---------- Input records

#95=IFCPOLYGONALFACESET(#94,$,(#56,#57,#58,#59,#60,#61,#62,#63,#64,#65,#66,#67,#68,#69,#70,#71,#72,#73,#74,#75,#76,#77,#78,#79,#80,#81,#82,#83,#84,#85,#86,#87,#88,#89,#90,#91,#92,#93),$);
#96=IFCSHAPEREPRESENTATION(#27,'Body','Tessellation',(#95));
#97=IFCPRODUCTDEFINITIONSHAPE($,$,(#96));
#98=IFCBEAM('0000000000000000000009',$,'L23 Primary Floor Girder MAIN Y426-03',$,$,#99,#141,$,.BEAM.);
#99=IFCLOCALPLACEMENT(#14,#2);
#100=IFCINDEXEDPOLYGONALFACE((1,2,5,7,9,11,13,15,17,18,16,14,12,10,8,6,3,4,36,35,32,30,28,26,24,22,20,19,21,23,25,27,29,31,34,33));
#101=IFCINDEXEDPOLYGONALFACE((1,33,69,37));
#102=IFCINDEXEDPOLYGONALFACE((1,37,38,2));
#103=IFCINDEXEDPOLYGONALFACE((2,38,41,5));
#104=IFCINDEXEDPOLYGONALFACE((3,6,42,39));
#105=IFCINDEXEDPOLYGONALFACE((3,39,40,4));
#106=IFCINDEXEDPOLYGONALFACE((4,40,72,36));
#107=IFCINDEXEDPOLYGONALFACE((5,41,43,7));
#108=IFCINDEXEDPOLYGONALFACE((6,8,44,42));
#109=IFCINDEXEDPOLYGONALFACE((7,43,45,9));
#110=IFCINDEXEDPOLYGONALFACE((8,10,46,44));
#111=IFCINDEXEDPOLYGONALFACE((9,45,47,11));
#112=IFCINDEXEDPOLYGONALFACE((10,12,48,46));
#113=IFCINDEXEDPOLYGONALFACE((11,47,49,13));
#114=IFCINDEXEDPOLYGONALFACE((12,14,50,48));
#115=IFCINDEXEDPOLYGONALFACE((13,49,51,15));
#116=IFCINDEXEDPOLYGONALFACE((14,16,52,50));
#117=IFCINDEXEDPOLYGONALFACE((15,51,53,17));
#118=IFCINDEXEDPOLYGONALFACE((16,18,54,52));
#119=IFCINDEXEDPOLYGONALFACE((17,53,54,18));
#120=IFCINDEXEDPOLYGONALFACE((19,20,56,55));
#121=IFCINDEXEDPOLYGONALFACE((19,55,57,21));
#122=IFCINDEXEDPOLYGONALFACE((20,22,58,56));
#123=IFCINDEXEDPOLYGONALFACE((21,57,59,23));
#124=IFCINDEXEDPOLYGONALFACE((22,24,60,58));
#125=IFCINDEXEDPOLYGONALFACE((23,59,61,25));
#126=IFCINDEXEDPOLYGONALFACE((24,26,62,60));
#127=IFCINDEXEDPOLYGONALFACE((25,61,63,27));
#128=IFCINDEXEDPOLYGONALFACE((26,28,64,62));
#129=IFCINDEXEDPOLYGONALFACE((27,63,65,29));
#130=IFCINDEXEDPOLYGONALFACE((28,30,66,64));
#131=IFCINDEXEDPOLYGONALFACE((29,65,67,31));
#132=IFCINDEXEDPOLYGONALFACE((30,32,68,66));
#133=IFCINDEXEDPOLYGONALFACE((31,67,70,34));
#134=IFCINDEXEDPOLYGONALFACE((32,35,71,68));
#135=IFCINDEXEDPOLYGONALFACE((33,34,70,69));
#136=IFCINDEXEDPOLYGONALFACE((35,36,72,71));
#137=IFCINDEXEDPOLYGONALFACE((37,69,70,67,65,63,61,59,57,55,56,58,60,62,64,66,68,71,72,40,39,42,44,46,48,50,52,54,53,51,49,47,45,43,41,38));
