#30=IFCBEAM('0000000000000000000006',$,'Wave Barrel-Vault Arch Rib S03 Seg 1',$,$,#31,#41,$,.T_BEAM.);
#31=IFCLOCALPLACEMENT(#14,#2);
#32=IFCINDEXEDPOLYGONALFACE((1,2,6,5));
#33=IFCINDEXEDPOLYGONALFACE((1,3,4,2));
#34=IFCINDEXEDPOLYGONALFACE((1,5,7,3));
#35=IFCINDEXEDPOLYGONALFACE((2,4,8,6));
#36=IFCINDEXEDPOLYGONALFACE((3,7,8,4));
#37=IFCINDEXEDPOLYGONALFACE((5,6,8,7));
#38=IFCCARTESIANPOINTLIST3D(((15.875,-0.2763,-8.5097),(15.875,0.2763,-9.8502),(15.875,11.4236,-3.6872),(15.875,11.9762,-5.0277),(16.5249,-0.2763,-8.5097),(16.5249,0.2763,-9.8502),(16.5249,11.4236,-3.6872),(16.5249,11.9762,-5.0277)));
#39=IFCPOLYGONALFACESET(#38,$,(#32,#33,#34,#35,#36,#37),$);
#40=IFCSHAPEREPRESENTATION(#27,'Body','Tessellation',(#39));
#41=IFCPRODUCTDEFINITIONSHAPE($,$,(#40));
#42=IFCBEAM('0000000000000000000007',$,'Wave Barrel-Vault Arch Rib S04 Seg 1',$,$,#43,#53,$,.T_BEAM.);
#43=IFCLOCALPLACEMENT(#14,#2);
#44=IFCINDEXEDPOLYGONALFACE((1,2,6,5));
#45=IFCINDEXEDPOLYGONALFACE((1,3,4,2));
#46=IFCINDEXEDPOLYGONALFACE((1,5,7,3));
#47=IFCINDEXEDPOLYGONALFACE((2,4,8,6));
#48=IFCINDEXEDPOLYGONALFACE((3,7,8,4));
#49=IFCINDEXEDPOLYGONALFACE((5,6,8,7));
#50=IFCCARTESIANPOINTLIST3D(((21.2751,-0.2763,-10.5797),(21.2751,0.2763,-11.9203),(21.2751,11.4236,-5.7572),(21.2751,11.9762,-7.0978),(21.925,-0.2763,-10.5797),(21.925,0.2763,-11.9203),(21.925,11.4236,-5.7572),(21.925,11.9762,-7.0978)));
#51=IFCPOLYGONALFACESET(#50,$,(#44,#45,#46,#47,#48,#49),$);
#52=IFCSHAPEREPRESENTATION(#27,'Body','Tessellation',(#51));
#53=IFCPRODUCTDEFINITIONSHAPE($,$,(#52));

--------------------

- [Task details] Give a word-for-word copy of the records.

- [Your response]
#95=IFCPOLYGONALFACESET(#94,$,(#56,#57,#58,#59,#60,#61,#62,#63,#64,#65,#66,#67,#68,#69,#70,#71,#72,#73,#74,#75,#76,#77,#78,#79,#80,#81,#82,#83,#84,#85,#86,#87,#88,#89,#90,#91,#92,#93),$);
#96=IFCSHAPEREPRESENTATION(#27,'Body','Tessellation',(#95));
#97=IFCPRODUCTDEFINITIONSHAPE($,$,(#96));
#98=IFCBEAM('0000000000000000000009',$,'L23 Primary Floor Girder MAIN Y426-03',$,$,#99,#141,$,.BEAM.);
#99=IFCLOCALPLACEMENT(#14,#2);
#100=IFCINDEXEDPOLYGONALFACE((1,2,5,7,9,11,13,15,17,18,16,14,12,10,8,6,3,4,36,35,32,30,28,26,24,22,20,19,21,23,25,27,29,31,34,33));
#101=IFCINDEXEDPOLYGONALFACE((1,33,69,37));
#102=IFCINDEXEDPOLYGONALFACE((1,37,38,2));
#103=IFCINDEXEDPOLYGONALFACE((2,38,41,5));
#104=IFCINDEXEDPOLYGONALFACE((3,6,42,39));
#105=IFCINDEXEDPOLYGONALFACE((3,39,40,4));
#106=IFCINDEXEDPOLYGONALFACE((4,40,72,36));
#107=IFCINDEXEDPOLYGONALFACE((5,41,43,7));
#108=IFCINDEXEDPOLYGONALFACE((6,8,44,42));
#109=IFCINDEXEDPOLYGONALFACE((7,43,45,9));
#110=IFCINDEXEDPOLYGONALFACE((8,10,46,44));
#111=IFCINDEXEDPOLYGONALFACE((9,45,47,11));
#112=IFCINDEXEDPOLYGONALFACE((10,12,48,46));
#113=IFCINDEXEDPOLYGONALFACE((11,47,49,13));
#114=IFCINDEXEDPOLYGONALFACE((12,14,50,48));
#115=IFCINDEXEDPOLYGONALFACE((13,49,51,15));
#116=IFCINDEXEDPOLYGONALFACE((14,16,52,50));
#117=IFCINDEXEDPOLYGONALFACE((15,51,53,17));
#118=IFCINDEXEDPOLYGONALFACE((16,18,54,52));
#119=IFCINDEXEDPOLYGONALFACE((17,53,54,18));
#120=IFCINDEXEDPOLYGONALFACE((19,20,56,55));
#121=IFCINDEXEDPOLYGONALFACE((19,55,57,21));
#122=IFCINDEXEDPOLYGONALFACE((20,22,58,56));
#123=IFCINDEXEDPOLYGONALFACE((21,57,59,23));
#124=IFCINDEXEDPOLYGONALFACE((22,24,60,58));
#125=IFCINDEXEDPOLYGONALFACE((23,59,61,25));
#126=IFCINDEXEDPOLYGONALFACE((24,26,62,60));
#127=IFCINDEXEDPOLYGONALFACE((25,61,63,27));
#128=IFCINDEXEDPOLYGONALFACE((26,28,64,62));
#129=IFCINDEXEDPOLYGONALFACE((27,63,65,29));
#130=IFCINDEXEDPOLYGONALFACE((28,30,66,64));
#131=IFCINDEXEDPOLYGONALFACE((29,65,67,31));
#132=IFCINDEXEDPOLYGONALFACE((30,32,68,66));
#133=IFCINDEXEDPOLYGONALFACE((31,67,70,34));
#134=IFCINDEXEDPOLYGONALFACE((32,35,71,68));
#135=IFCINDEXEDPOLYGONALFACE((33,34,70,69));
#136=IFCINDEXEDPOLYGONALFACE((35,36,72,71));
#137=IFCINDEXEDPOLYGONALFACE((37,69,70,67,65,63,61,59,57,55,56,58,60,62,64,66,68,71,72,40,39,42,44,46,48,50,52,54,53,51,49,47,45,43,41,38));
#30=IFCBEAM('0000000000000000000006',$,'Wave Barrel-Vault Arch Rib S03 Seg 1',$,$,#31,#41,$,.T_BEAM.);
#31=IFCLOCALPLACEMENT(#14,#2);
#32=IFCINDEXEDPOLYGONALFACE((1,2,6,5));
#33=IFCINDEXEDPOLYGONALFACE((1,3,4,2));
#34=IFCINDEXEDPOLYGONALFACE((1,5,7,3));
#35=IFCINDEXEDPOLYGONALFACE((2,4,8,6));
#36=IFCINDEXEDPOLYGONALFACE((3,7,8,4));
#37=IFCINDEXEDPOLYGONALFACE((5,6,8,7));
#38=IFCCARTESIANPOINTLIST3D(((15.875,-0.2763,-8.5097),(15.875,0.2763,-9.8502),(15.875,11.4236,-3.6872),(15.875,11.9762,-5.0277),(16.5249,-0.2763,-8.5097),(16.5249,0.2763,-9.8502),(16.5249,11.4236,-3.6872),(16.5249,11.9762,-5.0277)));
#39=IFCPOLYGONALFACESET(#38,$,(#32,#33,#34,#35,#36,#37),$);
#40=IFCSHAPEREPRESENTATION(#27,'Body','Tessellation',(#39));
#41=IFCPRODUCTDEFINITIONSHAPE($,$,(#40));
#42=IFCBEAM('0000000000000000000007',$,'Wave Barrel-Vault Arch Rib S04 Seg 1',$,$,#43,#53,$,.T_BEAM.);
#43=IFCLOCALPLACEMENT(#14,#2);
#44=IFCINDEXEDPOLYGONALFACE((1,2,6,5));
#45=IFCINDEXEDPOLYGONALFACE((1,3,4,2));
#46=IFCINDEXEDPOLYGONALFACE((1,5,7,3));
#47=IFCINDEXEDPOLYGONALFACE((2,4,8,6));
#48=IFCINDEXEDPOLYGONALFACE((3,7,8,4));
#49=IFCINDEXEDPOLYGONALFACE((5,6,8,7));
#50=IFCCARTESIANPOINTLIST3D(((21.2751,-0.2763,-10.5797),(21.2751,0.2763,-11.9203),(21.2751,11.4236,-5.7572),(21.2751,11.9762,-7.0978),(21.925,-0.2763,-10.5797),(21.925,0.2763,-11.9203),(21.925,11.4236,-5.7572),(21.925,11.9762,-7.0978)));
#51=IFCPOLYGONALFACESET(#50,$,(#44,#45,#46,#47,#48,#49),$);
#52=IFCSHAPEREPRESENTATION(#27,'Body','Tessellation',(#51));
#53=IFCPRODUCTDEFINITIONSHAPE($,$,(#52));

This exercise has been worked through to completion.